**Task requirements**: Tally the lines in the following entries that include the word "Tessellation"; state only the total.

:: Available records ::

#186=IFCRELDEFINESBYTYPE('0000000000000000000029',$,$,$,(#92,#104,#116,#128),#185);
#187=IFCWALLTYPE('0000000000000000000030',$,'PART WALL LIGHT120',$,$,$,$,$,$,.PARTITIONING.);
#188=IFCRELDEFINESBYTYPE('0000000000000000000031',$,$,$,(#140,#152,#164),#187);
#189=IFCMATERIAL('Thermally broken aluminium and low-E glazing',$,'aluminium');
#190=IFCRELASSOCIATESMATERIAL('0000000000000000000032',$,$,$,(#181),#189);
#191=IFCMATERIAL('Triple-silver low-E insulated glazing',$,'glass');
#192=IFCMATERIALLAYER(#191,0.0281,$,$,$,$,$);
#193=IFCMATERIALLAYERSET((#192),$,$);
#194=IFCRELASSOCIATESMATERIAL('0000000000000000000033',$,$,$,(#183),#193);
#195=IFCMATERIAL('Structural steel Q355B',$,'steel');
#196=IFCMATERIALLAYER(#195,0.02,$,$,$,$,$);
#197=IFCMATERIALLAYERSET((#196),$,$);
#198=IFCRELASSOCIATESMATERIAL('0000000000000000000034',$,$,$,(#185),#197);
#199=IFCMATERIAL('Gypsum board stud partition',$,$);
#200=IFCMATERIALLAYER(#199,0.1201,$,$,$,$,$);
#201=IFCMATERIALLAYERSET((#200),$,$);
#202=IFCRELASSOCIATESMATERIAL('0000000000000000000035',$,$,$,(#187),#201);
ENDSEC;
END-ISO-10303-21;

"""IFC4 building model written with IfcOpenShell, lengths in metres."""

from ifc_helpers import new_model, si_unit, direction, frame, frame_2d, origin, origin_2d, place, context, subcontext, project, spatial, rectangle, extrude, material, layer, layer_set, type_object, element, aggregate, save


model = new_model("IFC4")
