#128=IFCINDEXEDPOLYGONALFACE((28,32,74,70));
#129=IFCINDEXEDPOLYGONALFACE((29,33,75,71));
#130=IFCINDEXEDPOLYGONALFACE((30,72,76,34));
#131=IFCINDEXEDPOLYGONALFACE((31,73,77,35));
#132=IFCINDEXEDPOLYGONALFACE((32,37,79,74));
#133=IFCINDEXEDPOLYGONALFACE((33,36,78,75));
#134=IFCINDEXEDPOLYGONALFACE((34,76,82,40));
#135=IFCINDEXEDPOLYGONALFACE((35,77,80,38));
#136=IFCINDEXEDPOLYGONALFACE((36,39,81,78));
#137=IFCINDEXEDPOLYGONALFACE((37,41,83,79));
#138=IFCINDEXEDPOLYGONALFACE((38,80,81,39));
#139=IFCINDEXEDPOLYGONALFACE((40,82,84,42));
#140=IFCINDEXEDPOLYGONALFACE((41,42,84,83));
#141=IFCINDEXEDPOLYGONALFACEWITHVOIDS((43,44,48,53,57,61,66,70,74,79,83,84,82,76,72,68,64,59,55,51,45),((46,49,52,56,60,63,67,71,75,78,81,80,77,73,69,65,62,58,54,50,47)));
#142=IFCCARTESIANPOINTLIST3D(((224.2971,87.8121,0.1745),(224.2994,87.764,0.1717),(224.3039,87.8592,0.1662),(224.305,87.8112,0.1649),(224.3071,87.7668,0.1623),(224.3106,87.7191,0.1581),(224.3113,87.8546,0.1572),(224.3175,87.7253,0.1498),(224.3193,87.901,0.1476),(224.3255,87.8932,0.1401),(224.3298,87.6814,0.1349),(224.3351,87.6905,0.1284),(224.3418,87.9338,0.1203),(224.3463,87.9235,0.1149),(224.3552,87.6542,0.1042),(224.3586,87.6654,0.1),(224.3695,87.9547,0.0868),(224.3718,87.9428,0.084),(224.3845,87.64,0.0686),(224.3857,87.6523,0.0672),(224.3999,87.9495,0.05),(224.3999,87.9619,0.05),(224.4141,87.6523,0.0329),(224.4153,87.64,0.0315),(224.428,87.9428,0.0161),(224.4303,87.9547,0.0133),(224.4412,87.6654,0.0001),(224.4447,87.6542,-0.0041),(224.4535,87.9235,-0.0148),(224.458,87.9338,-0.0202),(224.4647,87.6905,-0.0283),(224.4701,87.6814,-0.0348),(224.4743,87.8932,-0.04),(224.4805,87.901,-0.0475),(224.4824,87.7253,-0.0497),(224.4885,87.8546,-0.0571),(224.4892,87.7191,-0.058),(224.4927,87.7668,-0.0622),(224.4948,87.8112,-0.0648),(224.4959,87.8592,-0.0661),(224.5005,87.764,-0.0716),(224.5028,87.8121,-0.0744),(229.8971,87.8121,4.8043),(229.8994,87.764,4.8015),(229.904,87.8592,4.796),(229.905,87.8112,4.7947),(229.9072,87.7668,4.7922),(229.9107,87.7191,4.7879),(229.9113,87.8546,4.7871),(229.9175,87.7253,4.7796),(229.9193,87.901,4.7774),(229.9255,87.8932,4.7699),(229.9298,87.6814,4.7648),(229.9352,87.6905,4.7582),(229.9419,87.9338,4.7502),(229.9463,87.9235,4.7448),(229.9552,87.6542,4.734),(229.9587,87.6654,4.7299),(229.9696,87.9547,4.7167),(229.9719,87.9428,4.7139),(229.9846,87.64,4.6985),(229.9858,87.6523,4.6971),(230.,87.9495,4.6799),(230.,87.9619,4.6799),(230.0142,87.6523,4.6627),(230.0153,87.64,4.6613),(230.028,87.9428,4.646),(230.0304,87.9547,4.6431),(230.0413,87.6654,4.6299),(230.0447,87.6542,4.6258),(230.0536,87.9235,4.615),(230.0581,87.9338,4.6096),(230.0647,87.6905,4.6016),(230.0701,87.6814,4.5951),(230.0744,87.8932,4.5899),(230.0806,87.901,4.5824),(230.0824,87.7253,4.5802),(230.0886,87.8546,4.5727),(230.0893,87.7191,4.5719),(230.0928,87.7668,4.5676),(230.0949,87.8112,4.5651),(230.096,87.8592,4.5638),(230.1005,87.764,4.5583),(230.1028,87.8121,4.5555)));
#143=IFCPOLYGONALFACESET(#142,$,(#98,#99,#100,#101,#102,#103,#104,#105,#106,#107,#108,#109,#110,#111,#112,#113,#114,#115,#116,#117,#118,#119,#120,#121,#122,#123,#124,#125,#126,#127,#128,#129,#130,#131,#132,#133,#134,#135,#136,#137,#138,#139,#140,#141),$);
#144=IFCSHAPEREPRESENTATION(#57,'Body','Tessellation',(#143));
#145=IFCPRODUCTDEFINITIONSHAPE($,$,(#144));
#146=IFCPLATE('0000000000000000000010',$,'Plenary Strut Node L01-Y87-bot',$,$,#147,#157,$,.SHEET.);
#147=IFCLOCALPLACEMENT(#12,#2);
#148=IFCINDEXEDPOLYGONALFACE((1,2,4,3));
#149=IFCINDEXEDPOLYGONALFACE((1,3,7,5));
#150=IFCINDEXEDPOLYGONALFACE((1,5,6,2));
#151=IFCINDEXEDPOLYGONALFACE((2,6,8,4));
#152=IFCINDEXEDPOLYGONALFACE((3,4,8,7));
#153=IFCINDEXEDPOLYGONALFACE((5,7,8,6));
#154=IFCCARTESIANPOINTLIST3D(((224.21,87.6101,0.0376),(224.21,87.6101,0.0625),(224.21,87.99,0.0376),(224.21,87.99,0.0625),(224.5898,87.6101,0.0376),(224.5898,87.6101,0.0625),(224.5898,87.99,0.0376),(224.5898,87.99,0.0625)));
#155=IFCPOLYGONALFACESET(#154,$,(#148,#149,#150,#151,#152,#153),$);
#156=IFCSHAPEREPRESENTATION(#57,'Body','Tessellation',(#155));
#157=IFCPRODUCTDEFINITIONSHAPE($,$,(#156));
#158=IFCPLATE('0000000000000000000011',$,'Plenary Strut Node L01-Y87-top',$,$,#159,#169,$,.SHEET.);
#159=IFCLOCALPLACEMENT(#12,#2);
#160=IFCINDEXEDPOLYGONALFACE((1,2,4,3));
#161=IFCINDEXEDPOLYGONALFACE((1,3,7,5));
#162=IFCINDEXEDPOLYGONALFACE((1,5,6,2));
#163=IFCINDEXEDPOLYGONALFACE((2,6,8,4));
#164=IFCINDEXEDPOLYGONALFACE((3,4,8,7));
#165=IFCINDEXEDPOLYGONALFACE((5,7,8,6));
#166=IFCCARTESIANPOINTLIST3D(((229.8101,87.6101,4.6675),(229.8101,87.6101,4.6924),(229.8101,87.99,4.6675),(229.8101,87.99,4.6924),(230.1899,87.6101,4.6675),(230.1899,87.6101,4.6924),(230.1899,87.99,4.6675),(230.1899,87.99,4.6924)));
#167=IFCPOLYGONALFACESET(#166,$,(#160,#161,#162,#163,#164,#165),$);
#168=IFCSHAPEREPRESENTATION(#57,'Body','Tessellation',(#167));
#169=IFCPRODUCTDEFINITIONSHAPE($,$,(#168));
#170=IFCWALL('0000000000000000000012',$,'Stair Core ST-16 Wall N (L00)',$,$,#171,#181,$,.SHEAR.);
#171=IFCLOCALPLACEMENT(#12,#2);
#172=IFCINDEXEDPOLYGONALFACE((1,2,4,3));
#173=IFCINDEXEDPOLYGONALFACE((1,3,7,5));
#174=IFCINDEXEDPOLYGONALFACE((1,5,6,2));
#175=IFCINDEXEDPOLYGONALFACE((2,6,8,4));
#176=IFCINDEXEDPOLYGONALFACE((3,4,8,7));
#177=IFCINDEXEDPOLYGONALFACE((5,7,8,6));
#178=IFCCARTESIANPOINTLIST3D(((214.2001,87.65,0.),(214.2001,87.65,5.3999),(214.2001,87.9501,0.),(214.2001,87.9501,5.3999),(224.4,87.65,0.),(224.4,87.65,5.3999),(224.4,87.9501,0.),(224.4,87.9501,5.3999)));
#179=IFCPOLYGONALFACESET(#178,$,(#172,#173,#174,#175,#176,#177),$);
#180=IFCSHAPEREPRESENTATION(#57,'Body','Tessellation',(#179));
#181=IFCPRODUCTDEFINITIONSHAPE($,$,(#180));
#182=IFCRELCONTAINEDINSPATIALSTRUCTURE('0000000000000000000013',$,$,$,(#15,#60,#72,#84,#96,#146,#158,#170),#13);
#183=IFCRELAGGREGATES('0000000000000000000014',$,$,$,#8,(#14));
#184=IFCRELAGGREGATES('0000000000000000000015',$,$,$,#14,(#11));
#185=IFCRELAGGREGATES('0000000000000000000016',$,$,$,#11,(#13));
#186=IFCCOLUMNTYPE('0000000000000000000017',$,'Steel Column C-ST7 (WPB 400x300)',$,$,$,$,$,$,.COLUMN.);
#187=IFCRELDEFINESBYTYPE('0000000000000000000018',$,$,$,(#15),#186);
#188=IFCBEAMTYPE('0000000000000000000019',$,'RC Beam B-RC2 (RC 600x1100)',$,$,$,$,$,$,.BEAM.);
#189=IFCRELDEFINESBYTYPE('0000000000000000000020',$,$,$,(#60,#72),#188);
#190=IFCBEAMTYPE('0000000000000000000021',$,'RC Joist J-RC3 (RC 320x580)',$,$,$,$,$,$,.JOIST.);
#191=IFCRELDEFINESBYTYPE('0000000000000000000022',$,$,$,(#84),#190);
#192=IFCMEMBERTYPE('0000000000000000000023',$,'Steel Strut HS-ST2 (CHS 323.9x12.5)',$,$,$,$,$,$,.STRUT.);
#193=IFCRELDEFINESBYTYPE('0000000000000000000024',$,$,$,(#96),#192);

:::

**Solution for this task**: 4